▶ [What to do]
Nothing but the lines holding the string "steel" should appear in the answer. Copy them from the entries.

▶ [Dataset entries]
Segment Open

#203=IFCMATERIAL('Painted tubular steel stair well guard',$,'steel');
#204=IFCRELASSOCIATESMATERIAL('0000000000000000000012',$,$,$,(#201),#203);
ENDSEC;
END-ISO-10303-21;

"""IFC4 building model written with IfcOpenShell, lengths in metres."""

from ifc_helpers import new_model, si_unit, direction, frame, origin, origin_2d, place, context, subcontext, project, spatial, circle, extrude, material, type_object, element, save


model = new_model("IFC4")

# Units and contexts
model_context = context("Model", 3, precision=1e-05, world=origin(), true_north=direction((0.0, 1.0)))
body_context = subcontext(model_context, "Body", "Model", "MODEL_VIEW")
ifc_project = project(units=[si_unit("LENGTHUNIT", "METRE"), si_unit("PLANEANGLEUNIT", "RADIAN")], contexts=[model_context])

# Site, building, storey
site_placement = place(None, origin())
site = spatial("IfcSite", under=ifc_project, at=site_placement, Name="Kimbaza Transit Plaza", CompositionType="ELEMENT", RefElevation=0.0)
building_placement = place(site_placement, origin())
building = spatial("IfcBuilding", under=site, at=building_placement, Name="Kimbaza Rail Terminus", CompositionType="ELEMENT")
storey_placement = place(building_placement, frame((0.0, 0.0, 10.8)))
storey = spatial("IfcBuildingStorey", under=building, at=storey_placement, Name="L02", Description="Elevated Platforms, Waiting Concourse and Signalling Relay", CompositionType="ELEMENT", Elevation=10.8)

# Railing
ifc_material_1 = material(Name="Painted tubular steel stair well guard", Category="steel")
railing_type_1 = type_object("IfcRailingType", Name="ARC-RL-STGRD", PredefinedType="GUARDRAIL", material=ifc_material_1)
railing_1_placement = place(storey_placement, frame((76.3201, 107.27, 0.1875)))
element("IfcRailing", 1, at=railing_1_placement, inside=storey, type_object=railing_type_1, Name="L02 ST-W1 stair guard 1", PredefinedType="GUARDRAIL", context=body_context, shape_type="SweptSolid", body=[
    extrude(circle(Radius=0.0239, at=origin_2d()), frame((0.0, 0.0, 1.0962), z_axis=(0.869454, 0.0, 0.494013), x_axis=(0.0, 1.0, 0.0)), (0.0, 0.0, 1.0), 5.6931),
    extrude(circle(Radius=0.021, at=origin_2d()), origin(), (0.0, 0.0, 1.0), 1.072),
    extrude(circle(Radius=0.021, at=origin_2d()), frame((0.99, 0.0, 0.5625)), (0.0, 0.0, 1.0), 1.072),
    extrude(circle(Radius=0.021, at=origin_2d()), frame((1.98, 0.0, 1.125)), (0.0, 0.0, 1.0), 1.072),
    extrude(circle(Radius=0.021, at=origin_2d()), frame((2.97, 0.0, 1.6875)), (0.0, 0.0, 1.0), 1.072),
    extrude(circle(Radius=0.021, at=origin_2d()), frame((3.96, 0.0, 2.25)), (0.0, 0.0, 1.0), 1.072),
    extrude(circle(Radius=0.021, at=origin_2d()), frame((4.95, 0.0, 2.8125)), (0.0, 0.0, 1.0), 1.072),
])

Segment Closed

▶ [Output below]
#203=IFCMATERIAL('Painted tubular steel stair well guard',$,'steel');
ifc_material_1 = material(Name="Painted tubular steel stair well guard", Category="steel")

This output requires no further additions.